*Extracted data*.
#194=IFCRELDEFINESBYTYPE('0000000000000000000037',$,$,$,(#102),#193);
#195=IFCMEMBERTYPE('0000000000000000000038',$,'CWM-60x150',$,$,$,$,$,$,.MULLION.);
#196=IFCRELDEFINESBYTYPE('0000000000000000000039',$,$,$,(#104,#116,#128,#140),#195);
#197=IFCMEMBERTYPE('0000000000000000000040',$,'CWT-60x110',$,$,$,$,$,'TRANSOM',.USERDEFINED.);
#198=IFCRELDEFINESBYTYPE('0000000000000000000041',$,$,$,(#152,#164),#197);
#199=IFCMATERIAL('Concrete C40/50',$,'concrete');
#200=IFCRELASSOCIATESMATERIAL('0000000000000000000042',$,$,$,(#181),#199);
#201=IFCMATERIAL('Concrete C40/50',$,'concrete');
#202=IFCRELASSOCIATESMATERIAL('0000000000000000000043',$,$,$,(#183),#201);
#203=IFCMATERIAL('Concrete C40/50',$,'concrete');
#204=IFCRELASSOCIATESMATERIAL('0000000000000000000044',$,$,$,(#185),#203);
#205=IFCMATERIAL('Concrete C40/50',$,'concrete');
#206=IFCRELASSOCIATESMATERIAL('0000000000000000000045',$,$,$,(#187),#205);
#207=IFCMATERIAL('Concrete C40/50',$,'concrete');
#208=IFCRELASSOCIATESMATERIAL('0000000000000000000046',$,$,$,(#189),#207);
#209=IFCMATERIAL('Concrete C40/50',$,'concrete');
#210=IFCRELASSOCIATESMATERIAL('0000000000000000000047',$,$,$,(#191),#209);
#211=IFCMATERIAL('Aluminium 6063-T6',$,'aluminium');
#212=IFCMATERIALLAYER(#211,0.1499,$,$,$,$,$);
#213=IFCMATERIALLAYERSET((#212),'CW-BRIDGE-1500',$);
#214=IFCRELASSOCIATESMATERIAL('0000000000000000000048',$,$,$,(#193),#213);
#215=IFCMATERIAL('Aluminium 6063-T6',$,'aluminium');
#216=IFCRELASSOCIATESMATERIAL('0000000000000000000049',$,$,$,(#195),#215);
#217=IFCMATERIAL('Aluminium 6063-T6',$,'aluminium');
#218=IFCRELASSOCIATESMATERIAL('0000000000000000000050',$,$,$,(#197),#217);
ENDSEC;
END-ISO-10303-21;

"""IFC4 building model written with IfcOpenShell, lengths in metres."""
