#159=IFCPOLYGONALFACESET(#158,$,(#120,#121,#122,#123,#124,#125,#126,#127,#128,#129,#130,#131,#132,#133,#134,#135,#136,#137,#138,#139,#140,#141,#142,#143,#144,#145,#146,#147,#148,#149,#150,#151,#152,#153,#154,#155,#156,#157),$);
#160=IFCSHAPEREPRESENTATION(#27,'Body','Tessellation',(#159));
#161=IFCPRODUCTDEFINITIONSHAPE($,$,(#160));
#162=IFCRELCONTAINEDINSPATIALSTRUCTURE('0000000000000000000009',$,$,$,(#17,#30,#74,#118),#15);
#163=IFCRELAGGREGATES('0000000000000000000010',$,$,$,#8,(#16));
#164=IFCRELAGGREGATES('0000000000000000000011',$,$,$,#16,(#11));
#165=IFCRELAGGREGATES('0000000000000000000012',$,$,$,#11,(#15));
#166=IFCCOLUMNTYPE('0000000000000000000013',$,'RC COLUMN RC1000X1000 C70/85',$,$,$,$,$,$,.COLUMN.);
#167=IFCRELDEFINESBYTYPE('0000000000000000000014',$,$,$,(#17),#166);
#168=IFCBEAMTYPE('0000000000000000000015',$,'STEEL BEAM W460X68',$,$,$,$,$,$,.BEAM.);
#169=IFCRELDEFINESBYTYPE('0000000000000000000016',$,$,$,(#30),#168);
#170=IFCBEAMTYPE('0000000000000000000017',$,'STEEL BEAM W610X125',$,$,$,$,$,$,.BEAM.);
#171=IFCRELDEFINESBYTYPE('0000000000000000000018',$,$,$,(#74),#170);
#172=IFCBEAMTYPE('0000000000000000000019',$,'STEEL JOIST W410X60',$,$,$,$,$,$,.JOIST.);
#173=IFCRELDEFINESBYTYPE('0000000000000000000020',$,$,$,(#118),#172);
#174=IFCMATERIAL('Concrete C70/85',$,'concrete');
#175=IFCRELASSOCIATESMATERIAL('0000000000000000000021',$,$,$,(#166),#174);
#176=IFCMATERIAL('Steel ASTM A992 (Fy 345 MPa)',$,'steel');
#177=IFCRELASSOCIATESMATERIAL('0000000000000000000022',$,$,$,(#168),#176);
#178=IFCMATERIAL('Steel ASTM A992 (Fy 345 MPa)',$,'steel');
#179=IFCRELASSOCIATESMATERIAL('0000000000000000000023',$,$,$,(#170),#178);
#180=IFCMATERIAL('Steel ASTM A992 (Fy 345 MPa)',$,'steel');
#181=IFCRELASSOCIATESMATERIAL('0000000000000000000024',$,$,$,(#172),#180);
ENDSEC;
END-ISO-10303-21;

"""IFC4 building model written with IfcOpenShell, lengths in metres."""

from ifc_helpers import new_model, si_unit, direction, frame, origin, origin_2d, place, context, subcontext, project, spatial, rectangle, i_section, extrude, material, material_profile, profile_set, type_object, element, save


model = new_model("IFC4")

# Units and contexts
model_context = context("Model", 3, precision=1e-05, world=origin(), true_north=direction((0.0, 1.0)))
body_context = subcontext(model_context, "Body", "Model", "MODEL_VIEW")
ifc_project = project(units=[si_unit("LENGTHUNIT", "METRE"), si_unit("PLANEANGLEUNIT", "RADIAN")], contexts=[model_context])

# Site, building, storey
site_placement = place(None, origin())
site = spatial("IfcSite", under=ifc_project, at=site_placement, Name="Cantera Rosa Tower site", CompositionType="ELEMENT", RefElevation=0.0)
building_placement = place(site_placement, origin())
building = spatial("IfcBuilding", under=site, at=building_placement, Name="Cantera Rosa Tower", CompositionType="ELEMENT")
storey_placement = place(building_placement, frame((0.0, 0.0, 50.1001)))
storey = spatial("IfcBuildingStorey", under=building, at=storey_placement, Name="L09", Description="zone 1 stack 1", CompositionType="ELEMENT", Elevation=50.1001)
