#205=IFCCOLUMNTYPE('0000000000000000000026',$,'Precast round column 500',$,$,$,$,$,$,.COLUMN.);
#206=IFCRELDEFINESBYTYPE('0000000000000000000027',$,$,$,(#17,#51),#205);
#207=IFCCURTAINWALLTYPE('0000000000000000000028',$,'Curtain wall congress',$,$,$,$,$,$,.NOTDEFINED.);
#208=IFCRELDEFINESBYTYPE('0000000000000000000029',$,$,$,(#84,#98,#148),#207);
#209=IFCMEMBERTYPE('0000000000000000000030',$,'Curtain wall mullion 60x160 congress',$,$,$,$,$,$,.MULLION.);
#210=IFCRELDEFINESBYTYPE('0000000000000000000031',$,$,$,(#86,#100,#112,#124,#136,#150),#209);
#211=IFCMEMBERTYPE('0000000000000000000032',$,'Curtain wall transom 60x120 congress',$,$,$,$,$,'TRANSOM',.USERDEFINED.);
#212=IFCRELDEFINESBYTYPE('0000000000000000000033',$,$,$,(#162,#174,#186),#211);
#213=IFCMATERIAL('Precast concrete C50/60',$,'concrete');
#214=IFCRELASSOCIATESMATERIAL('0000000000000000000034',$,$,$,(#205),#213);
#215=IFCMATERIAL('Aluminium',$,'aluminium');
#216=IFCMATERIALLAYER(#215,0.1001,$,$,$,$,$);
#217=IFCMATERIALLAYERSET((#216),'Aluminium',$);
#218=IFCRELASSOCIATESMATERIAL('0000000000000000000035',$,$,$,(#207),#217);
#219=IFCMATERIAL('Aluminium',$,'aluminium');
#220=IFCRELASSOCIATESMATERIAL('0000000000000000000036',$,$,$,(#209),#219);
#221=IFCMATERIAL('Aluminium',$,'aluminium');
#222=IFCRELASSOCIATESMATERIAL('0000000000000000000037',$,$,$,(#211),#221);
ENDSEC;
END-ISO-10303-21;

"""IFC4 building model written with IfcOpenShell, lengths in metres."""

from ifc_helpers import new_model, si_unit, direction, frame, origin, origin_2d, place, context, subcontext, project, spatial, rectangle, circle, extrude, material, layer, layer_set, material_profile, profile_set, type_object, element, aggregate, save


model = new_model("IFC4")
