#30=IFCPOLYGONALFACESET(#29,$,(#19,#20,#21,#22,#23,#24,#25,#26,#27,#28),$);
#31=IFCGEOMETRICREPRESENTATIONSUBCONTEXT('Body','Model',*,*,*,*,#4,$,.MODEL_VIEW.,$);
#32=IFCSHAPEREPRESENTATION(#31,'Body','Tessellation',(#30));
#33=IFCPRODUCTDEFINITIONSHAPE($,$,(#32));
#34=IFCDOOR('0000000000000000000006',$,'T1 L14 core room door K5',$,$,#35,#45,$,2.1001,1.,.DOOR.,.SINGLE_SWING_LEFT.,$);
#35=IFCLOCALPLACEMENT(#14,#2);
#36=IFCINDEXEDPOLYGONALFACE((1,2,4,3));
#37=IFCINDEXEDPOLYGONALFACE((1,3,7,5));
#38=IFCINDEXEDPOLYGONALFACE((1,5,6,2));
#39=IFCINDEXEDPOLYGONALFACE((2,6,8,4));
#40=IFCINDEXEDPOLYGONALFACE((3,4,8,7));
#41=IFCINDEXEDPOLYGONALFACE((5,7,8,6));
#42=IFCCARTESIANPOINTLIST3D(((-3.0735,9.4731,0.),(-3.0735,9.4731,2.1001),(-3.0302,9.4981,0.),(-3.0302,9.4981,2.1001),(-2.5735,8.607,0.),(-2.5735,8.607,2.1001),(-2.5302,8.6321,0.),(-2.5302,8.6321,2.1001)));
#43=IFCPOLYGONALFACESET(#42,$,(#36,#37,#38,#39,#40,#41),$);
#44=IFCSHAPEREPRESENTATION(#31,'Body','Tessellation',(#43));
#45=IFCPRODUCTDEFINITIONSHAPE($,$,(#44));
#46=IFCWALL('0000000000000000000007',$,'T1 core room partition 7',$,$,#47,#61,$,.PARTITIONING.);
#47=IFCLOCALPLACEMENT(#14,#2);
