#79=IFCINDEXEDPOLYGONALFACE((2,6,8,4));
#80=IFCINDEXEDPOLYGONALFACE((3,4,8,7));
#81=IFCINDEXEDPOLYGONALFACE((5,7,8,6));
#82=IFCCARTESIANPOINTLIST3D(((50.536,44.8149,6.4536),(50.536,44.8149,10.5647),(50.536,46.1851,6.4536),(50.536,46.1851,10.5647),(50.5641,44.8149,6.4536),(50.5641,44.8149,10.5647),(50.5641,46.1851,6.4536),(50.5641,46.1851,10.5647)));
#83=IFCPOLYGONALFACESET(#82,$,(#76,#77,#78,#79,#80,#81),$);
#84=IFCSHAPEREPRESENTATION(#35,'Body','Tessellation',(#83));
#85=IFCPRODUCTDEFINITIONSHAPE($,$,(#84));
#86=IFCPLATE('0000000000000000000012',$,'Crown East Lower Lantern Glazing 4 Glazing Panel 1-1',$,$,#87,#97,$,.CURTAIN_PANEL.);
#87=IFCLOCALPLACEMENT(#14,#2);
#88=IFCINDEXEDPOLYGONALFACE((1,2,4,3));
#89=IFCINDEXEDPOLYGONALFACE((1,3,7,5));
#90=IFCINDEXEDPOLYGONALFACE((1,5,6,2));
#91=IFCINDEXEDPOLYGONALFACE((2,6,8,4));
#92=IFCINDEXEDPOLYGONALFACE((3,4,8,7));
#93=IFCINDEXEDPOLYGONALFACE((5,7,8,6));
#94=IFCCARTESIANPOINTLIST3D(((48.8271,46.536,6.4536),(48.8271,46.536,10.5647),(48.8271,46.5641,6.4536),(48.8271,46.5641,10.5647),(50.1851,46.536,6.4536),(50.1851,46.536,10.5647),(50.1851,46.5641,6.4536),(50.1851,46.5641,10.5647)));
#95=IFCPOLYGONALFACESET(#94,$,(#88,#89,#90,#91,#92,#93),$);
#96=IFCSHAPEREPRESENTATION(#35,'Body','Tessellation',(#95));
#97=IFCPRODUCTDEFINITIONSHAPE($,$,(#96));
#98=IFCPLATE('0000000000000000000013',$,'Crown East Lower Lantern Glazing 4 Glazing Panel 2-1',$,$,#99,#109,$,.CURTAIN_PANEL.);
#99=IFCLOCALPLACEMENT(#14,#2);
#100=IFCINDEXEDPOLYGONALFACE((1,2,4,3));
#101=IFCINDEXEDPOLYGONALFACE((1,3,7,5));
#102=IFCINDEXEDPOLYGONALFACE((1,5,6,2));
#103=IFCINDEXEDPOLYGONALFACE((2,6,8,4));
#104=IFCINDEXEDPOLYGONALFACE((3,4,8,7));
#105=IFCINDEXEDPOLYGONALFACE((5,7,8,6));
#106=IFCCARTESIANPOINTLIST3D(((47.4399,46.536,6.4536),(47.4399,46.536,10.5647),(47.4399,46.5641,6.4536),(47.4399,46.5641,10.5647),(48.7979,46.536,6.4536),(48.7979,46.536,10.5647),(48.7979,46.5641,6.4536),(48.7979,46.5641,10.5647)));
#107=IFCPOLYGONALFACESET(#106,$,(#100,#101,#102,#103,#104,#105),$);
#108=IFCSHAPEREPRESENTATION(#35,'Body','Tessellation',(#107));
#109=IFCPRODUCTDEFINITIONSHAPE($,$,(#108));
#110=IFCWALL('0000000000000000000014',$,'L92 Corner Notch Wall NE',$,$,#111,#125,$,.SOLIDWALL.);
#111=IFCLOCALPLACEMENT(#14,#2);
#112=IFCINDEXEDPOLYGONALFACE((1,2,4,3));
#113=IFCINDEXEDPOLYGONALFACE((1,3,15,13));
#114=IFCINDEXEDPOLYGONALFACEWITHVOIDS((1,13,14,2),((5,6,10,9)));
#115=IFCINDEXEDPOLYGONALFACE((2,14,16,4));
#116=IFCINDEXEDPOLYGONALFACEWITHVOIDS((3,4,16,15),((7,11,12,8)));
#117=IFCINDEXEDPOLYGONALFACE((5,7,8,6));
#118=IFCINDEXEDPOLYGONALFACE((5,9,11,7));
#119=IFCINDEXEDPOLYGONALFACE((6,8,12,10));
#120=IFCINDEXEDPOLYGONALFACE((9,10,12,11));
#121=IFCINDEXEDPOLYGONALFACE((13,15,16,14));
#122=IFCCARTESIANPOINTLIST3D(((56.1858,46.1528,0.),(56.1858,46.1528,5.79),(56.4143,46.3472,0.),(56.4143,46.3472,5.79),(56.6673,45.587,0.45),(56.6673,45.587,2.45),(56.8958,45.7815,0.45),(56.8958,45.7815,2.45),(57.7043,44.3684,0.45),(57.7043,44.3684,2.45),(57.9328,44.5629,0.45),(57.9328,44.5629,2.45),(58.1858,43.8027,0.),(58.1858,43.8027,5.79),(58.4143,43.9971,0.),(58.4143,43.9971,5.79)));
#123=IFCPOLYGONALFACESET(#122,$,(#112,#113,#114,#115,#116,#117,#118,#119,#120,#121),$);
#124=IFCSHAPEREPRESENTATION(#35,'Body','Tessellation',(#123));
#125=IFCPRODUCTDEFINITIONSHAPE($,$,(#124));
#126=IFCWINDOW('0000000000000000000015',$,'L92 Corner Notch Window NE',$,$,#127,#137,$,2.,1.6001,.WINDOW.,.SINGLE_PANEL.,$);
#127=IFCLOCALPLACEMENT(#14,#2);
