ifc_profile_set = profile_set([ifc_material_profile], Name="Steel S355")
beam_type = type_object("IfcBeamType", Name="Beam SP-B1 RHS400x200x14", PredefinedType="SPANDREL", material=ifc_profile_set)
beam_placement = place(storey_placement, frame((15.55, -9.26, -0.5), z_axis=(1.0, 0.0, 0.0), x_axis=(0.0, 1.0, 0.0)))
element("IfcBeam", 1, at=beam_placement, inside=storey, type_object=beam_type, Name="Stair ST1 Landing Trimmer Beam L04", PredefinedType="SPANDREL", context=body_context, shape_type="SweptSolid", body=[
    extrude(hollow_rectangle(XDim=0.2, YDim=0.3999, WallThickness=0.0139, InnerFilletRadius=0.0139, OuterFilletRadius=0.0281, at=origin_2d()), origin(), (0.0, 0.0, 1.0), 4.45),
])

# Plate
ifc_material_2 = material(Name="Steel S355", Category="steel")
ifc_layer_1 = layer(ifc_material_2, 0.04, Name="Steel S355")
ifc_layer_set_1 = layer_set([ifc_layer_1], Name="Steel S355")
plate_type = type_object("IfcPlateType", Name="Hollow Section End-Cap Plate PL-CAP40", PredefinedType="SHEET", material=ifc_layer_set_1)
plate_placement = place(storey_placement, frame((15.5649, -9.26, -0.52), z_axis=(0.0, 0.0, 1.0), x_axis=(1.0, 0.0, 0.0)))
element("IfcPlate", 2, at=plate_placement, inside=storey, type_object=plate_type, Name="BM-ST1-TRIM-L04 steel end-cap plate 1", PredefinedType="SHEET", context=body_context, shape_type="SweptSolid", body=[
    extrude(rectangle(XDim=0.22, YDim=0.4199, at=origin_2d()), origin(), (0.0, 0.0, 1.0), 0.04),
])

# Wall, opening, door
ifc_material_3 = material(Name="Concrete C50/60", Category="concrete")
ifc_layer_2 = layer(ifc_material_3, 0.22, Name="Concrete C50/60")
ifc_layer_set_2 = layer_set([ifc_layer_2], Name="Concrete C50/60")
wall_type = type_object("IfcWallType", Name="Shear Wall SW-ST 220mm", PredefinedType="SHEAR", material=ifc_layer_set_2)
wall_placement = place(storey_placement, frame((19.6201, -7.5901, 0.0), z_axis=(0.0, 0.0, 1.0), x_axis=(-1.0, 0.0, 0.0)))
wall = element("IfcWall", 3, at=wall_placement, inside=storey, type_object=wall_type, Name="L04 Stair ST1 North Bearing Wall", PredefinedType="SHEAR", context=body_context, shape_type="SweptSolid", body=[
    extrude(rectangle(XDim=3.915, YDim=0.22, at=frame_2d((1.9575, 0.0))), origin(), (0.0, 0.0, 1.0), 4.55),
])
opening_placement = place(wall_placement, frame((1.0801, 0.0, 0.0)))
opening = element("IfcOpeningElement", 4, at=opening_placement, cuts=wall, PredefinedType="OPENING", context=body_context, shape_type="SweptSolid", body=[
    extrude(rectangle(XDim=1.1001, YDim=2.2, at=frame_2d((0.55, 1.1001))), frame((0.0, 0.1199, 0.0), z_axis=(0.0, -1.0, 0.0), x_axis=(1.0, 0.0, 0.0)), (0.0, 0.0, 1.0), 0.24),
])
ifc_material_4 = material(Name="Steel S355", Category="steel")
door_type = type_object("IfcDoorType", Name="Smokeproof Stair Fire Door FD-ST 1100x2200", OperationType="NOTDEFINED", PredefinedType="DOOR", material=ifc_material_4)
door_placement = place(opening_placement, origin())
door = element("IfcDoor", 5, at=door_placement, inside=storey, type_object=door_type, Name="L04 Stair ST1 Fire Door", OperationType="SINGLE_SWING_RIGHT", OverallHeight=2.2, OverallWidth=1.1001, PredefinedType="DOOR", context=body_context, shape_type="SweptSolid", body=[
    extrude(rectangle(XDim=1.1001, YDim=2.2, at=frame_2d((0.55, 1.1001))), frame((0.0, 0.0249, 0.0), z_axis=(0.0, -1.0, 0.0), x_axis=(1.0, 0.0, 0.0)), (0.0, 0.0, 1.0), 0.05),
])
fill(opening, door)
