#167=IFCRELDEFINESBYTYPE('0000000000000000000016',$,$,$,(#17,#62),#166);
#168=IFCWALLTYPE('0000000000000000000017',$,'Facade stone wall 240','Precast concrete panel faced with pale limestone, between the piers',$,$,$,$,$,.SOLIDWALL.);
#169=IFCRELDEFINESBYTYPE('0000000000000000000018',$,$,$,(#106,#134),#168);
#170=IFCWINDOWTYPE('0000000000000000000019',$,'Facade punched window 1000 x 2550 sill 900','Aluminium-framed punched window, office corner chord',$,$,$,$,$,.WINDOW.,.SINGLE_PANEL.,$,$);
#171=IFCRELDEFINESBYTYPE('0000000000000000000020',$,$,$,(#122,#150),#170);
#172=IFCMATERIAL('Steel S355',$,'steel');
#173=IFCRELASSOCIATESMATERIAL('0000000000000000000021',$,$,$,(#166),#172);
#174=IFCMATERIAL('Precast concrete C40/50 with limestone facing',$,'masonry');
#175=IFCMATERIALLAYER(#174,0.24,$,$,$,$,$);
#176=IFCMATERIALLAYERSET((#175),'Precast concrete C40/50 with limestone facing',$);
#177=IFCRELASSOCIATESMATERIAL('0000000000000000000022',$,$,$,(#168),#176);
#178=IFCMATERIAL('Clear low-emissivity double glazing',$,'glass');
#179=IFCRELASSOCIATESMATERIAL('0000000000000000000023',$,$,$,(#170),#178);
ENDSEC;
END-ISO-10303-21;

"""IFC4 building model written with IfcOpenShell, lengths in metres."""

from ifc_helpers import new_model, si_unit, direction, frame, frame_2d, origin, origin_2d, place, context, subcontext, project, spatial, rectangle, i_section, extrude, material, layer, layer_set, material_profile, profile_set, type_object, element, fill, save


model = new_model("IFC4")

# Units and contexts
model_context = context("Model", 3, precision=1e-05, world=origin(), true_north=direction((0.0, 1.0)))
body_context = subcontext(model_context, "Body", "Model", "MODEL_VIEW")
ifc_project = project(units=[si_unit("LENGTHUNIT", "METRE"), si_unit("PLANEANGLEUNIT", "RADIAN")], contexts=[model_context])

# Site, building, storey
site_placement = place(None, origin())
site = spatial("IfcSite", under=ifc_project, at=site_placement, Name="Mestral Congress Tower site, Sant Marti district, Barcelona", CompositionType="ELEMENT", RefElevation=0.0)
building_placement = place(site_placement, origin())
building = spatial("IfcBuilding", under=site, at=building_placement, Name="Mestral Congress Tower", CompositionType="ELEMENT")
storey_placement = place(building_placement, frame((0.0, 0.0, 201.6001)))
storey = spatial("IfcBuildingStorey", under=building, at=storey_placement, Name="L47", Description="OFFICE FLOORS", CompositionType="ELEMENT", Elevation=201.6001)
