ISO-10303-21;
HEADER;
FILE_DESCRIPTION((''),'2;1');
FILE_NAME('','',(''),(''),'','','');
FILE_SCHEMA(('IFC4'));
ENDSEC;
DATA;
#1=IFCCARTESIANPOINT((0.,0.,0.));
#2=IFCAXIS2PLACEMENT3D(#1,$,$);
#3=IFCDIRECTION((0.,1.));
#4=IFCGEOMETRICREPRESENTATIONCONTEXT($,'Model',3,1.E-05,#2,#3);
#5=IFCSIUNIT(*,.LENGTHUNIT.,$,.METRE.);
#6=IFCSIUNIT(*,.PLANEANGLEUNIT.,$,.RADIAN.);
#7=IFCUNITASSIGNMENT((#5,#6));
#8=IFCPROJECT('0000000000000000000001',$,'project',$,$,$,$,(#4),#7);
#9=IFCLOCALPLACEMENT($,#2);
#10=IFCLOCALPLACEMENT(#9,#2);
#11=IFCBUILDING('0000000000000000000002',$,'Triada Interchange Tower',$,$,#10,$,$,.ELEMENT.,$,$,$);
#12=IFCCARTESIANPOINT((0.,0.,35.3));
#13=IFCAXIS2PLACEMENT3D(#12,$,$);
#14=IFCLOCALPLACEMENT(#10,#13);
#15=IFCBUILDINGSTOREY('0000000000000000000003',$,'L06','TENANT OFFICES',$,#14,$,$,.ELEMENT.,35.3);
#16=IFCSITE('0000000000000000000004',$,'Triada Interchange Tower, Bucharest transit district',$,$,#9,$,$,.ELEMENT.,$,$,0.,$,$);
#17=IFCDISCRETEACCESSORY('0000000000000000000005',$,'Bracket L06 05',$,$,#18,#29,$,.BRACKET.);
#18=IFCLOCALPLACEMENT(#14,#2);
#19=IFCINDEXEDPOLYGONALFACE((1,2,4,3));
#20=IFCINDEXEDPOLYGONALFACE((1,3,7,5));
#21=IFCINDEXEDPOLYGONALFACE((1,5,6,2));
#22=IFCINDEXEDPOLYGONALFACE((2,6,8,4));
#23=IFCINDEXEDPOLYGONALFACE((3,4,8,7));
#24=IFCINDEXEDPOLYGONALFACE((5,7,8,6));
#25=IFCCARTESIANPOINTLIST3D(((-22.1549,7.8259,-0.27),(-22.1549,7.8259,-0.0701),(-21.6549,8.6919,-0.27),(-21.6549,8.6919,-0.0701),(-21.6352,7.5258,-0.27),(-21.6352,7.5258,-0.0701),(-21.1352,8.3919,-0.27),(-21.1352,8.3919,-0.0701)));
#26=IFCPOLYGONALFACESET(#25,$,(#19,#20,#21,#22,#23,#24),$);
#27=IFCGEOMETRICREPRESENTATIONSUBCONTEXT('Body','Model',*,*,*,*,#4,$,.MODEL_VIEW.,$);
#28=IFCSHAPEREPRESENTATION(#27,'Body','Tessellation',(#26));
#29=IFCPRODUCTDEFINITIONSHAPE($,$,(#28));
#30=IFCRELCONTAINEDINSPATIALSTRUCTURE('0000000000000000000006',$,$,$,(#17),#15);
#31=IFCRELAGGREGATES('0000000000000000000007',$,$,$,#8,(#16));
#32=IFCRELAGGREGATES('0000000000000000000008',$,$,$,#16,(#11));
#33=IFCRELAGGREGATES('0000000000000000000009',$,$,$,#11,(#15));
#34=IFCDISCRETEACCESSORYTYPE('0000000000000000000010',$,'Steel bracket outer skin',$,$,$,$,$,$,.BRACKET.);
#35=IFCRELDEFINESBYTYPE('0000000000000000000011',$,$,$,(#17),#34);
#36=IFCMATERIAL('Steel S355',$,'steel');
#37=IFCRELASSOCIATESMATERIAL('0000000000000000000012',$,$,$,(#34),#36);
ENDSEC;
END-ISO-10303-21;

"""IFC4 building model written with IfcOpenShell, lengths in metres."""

from ifc_helpers import new_model, si_unit, direction, frame, origin, origin_2d, place, context, subcontext, project, spatial, rectangle, extrude, material, type_object, element, save


model = new_model("IFC4")

# Units and contexts
model_context = context("Model", 3, precision=1e-05, world=origin(), true_north=direction((0.0, 1.0)))
body_context = subcontext(model_context, "Body", "Model", "MODEL_VIEW")
ifc_project = project(units=[si_unit("LENGTHUNIT", "METRE"), si_unit("PLANEANGLEUNIT", "RADIAN")], contexts=[model_context])

# Site, building, storey
site_placement = place(None, origin())
site = spatial("IfcSite", under=ifc_project, at=site_placement, Name="Triada Interchange Tower, Bucharest transit district", CompositionType="ELEMENT", RefElevation=0.0)
building_placement = place(site_placement, origin())
building = spatial("IfcBuilding", under=site, at=building_placement, Name="Triada Interchange Tower", CompositionType="ELEMENT")
storey_placement = place(building_placement, frame((0.0, 0.0, 35.3)))
storey = spatial("IfcBuildingStorey", under=building, at=storey_placement, Name="L06", Description="TENANT OFFICES", CompositionType="ELEMENT", Elevation=35.3)

# Discrete accessory
ifc_material_1 = material(Name="Steel S355", Category="steel")
discrete_accessory_type = type_object("IfcDiscreteAccessoryType", Name="Steel bracket outer skin", PredefinedType="BRACKET", material=ifc_material_1)
for number, where, z_axis, x_axis, name in (
    (1, (-21.645, 8.1089, -0.27), (0.0, 0.0, 1.0), (-0.866021, 0.500008, 0.0), "Bracket L06 05"),
):
    element("IfcDiscreteAccessory", number, at=place(storey_placement, frame(where, z_axis=z_axis, x_axis=x_axis)), inside=storey, type_object=discrete_accessory_type, Name=name, PredefinedType="BRACKET", context=body_context, shape_type="SweptSolid", body=[
        extrude(rectangle(XDim=0.6001, YDim=1.0, at=origin_2d()), origin(), (0.0, 0.0, 1.0), 0.2),
    ])

save(model, "model.ifc")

*Exercise directions*. Which lines above hold the string "IFCMATERIALLAYERSET"? Show each of them.

*Output below*.
#213=IFCMATERIALLAYERSET((#212),'CW-BRIDGE-1500',$);
#217=IFCMATERIALLAYERSET((#216),'Aluminium',$);
#176=IFCMATERIALLAYERSET((#175),'Precast concrete C40/50 with limestone facing',$);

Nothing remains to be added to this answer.